## Task brief
Output the data below line for line, exactly, up to and including the line where "#176=IFCMATERIALLAYER(#174,0.012,$,'Second board',$,'finish',$);" appears.

*** Records supplied ***

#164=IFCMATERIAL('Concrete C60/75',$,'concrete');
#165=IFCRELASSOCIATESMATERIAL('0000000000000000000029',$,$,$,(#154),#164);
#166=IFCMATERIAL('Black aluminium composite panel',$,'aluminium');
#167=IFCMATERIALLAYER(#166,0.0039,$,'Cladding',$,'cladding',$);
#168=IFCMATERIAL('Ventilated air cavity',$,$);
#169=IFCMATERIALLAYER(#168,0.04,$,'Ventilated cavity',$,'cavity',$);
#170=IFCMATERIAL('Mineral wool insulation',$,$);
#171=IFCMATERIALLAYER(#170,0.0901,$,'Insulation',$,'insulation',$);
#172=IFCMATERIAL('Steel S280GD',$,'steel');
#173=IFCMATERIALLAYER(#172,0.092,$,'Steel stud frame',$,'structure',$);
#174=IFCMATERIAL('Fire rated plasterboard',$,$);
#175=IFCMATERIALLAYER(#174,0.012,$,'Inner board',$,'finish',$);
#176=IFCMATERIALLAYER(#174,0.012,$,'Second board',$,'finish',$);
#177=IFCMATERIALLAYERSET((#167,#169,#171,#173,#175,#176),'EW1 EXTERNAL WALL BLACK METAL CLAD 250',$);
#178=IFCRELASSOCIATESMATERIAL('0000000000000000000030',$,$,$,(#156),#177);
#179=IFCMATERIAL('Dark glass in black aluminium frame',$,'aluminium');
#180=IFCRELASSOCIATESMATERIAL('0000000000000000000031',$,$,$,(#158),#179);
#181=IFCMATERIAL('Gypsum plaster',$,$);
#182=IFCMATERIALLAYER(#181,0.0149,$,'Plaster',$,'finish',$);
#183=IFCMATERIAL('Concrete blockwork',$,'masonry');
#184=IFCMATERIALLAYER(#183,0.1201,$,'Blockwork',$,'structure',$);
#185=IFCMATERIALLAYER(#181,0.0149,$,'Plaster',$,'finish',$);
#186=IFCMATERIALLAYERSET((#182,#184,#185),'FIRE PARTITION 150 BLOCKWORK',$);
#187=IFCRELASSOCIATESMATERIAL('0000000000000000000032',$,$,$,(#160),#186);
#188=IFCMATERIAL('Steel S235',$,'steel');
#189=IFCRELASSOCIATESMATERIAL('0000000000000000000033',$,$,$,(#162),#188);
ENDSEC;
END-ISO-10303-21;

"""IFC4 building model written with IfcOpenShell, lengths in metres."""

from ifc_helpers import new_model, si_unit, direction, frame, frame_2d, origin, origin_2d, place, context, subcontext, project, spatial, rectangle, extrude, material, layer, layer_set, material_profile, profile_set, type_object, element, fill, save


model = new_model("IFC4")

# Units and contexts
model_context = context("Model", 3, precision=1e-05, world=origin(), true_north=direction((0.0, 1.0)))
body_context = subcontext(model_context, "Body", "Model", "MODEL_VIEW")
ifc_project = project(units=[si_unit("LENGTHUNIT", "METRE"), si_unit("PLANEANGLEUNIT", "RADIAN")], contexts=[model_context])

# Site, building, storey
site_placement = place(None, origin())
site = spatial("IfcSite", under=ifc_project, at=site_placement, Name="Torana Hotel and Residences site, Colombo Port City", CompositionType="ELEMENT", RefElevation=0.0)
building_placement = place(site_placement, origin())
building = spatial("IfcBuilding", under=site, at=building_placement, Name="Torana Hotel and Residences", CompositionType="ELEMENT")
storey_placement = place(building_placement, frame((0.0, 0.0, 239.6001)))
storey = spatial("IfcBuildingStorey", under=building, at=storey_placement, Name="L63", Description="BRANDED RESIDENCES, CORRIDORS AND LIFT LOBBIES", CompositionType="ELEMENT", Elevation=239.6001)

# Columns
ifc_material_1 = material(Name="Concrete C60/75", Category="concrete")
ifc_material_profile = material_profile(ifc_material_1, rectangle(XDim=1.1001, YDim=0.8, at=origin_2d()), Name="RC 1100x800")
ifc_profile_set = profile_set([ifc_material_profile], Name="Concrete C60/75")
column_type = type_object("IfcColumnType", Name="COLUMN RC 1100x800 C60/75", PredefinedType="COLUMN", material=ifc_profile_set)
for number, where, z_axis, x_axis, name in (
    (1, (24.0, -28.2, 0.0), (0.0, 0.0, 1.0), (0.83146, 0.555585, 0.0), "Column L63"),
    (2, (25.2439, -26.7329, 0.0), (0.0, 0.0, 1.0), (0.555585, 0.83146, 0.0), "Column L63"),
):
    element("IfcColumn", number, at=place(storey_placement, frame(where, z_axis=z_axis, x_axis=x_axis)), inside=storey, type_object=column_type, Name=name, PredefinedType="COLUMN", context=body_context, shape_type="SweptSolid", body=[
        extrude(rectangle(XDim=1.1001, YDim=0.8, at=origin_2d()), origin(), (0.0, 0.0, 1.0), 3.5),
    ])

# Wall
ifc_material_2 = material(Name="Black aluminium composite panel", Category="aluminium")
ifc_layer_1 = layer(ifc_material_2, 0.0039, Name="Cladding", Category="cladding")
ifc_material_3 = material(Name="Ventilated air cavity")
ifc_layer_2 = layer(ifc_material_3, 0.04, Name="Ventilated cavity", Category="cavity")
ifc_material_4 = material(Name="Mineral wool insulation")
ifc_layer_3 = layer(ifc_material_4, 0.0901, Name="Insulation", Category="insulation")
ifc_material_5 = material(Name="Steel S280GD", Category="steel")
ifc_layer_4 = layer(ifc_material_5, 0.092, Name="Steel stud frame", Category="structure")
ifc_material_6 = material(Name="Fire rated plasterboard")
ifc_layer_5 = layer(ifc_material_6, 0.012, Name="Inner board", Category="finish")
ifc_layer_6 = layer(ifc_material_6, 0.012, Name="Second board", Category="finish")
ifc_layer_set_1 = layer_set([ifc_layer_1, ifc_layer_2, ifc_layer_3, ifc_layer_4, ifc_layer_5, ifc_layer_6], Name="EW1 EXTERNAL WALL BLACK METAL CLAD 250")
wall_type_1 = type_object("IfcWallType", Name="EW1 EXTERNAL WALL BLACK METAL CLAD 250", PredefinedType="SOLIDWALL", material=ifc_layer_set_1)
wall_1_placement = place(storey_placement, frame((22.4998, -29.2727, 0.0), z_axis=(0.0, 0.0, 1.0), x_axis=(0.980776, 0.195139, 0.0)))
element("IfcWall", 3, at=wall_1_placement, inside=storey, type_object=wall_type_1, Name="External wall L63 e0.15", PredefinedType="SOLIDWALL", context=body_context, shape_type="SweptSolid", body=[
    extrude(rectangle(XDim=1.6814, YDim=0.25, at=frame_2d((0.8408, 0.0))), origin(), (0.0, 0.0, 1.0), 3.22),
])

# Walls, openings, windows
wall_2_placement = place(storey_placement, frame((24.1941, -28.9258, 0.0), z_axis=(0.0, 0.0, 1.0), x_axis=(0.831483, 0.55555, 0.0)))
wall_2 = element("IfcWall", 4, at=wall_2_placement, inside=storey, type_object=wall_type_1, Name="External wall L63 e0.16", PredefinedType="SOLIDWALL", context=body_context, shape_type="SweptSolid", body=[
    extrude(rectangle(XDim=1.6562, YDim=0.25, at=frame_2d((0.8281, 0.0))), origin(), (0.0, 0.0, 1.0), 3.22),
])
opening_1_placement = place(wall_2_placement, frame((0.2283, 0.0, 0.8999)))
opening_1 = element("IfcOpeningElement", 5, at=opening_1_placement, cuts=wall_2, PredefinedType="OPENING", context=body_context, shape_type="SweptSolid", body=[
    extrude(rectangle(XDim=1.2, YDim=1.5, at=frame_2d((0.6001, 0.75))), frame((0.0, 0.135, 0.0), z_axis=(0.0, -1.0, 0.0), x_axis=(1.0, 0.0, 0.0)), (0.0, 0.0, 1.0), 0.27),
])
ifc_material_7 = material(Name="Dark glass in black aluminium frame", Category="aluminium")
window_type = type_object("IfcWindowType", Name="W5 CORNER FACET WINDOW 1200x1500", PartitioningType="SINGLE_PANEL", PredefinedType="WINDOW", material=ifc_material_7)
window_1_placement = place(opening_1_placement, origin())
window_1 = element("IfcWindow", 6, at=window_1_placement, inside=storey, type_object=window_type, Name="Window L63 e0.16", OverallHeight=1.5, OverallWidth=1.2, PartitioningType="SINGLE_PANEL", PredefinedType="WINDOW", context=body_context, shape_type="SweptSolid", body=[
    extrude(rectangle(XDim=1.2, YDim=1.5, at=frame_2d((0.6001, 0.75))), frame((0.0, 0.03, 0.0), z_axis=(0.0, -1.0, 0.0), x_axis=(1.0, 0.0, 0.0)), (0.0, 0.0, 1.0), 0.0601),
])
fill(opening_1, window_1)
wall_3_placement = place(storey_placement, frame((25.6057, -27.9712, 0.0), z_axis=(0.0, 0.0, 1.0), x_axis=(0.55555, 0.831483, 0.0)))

*** End of Records supplied ***

## Solution below
#164=IFCMATERIAL('Concrete C60/75',$,'concrete');
#165=IFCRELASSOCIATESMATERIAL('0000000000000000000029',$,$,$,(#154),#164);
#166=IFCMATERIAL('Black aluminium composite panel',$,'aluminium');
#167=IFCMATERIALLAYER(#166,0.0039,$,'Cladding',$,'cladding',$);
#168=IFCMATERIAL('Ventilated air cavity',$,$);
#169=IFCMATERIALLAYER(#168,0.04,$,'Ventilated cavity',$,'cavity',$);
#170=IFCMATERIAL('Mineral wool insulation',$,$);
#171=IFCMATERIALLAYER(#170,0.0901,$,'Insulation',$,'insulation',$);
#172=IFCMATERIAL('Steel S280GD',$,'steel');
#173=IFCMATERIALLAYER(#172,0.092,$,'Steel stud frame',$,'structure',$);
#174=IFCMATERIAL('Fire rated plasterboard',$,$);
#175=IFCMATERIALLAYER(#174,0.012,$,'Inner board',$,'finish',$);
#176=IFCMATERIALLAYER(#174,0.012,$,'Second board',$,'finish',$);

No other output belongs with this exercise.